■ **TASK PROMPT**:
From the records below, copy out exactly the lines from the one containing "#85=IFCINDEXEDPOLYGONALFACE((9,13,14,10));" to the one containing "#94=IFCINDEXEDPOLYGONALFACE((27,28,32,31));", both included. Add nothing else.

────────────────────────────────────────

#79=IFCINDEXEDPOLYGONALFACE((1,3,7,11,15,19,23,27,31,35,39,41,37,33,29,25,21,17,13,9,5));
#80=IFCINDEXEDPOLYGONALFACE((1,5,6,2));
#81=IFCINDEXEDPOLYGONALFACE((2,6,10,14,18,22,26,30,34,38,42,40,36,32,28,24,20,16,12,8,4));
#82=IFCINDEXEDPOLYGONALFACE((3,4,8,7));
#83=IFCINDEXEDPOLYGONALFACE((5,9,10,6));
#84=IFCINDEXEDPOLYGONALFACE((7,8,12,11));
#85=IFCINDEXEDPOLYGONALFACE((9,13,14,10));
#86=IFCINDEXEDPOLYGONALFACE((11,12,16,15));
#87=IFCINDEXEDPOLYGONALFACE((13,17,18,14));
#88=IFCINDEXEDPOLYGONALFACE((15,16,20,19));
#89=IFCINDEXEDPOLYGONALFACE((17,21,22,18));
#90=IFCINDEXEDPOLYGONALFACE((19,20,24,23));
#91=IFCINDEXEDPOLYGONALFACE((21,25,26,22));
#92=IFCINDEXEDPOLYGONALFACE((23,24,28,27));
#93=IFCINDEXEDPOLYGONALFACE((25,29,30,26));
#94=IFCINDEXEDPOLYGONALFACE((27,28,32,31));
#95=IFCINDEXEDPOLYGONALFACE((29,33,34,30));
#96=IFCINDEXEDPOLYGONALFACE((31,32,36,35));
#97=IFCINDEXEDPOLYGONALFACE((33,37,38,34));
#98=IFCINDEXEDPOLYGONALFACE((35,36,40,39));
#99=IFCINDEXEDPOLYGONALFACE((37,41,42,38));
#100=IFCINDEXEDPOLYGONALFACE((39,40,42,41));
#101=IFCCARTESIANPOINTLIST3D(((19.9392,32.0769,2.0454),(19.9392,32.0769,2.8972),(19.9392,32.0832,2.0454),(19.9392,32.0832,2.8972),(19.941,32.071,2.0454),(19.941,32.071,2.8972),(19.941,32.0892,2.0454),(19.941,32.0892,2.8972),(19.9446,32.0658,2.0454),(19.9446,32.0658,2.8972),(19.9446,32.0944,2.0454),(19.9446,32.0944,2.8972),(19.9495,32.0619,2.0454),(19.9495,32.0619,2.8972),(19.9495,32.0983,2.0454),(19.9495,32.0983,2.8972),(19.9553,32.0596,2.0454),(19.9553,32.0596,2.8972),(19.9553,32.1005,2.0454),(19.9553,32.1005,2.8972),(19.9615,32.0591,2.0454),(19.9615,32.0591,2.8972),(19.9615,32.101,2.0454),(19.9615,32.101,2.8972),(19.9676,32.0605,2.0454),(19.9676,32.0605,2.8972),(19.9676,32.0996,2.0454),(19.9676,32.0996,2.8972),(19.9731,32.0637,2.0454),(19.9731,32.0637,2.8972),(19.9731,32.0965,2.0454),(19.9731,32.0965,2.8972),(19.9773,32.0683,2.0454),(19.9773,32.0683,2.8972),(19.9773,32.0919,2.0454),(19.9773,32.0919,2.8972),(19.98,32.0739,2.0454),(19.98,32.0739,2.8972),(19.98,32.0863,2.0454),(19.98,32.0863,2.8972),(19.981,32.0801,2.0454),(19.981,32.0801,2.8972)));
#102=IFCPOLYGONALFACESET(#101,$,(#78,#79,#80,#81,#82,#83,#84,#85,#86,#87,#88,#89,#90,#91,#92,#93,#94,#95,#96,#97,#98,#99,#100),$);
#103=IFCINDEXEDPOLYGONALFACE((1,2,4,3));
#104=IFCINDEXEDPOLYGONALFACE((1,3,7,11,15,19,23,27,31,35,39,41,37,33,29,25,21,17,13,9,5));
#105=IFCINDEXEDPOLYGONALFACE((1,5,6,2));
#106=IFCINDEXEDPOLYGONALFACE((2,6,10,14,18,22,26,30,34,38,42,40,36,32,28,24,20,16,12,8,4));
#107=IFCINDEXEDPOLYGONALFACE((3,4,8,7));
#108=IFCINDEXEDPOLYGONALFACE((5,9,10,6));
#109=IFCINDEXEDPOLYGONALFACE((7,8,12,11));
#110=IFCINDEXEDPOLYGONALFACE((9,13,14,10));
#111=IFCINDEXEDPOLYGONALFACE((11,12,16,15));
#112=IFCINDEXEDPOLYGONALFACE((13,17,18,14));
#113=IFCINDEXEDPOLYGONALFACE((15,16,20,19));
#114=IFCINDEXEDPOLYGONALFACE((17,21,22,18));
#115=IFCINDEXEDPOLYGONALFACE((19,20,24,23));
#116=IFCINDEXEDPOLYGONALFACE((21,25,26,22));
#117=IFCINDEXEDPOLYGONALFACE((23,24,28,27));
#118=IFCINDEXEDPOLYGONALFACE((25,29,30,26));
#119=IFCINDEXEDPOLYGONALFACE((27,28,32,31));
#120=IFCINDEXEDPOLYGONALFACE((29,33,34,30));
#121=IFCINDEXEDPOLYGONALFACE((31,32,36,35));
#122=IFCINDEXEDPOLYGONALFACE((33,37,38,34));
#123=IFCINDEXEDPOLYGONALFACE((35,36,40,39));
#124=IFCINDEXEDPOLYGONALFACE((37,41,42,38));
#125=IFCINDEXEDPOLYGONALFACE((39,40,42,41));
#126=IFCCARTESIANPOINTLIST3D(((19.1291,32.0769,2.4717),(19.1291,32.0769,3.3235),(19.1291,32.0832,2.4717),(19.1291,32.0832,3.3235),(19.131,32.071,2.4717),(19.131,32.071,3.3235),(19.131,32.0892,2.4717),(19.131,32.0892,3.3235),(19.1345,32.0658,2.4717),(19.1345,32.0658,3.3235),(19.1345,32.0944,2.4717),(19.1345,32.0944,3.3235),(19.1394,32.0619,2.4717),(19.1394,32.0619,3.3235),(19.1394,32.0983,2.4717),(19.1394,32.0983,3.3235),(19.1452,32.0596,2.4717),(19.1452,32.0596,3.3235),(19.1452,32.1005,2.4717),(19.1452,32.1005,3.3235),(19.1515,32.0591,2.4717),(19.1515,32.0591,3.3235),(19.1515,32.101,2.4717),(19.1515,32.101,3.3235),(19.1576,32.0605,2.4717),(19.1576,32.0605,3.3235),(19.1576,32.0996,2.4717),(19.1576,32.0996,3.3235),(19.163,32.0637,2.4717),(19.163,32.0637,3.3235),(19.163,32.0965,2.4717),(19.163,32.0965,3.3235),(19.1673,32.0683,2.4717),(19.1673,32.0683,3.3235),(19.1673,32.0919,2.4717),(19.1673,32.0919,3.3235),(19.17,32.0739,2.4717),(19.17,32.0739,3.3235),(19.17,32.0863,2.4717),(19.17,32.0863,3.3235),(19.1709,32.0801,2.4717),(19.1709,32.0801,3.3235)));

────────────────────────────────────────

■ **WRITTEN RESPONSE**:
#85=IFCINDEXEDPOLYGONALFACE((9,13,14,10));
#86=IFCINDEXEDPOLYGONALFACE((11,12,16,15));
#87=IFCINDEXEDPOLYGONALFACE((13,17,18,14));
#88=IFCINDEXEDPOLYGONALFACE((15,16,20,19));
#89=IFCINDEXEDPOLYGONALFACE((17,21,22,18));
#90=IFCINDEXEDPOLYGONALFACE((19,20,24,23));
#91=IFCINDEXEDPOLYGONALFACE((21,25,26,22));
#92=IFCINDEXEDPOLYGONALFACE((23,24,28,27));
#93=IFCINDEXEDPOLYGONALFACE((25,29,30,26));
#94=IFCINDEXEDPOLYGONALFACE((27,28,32,31));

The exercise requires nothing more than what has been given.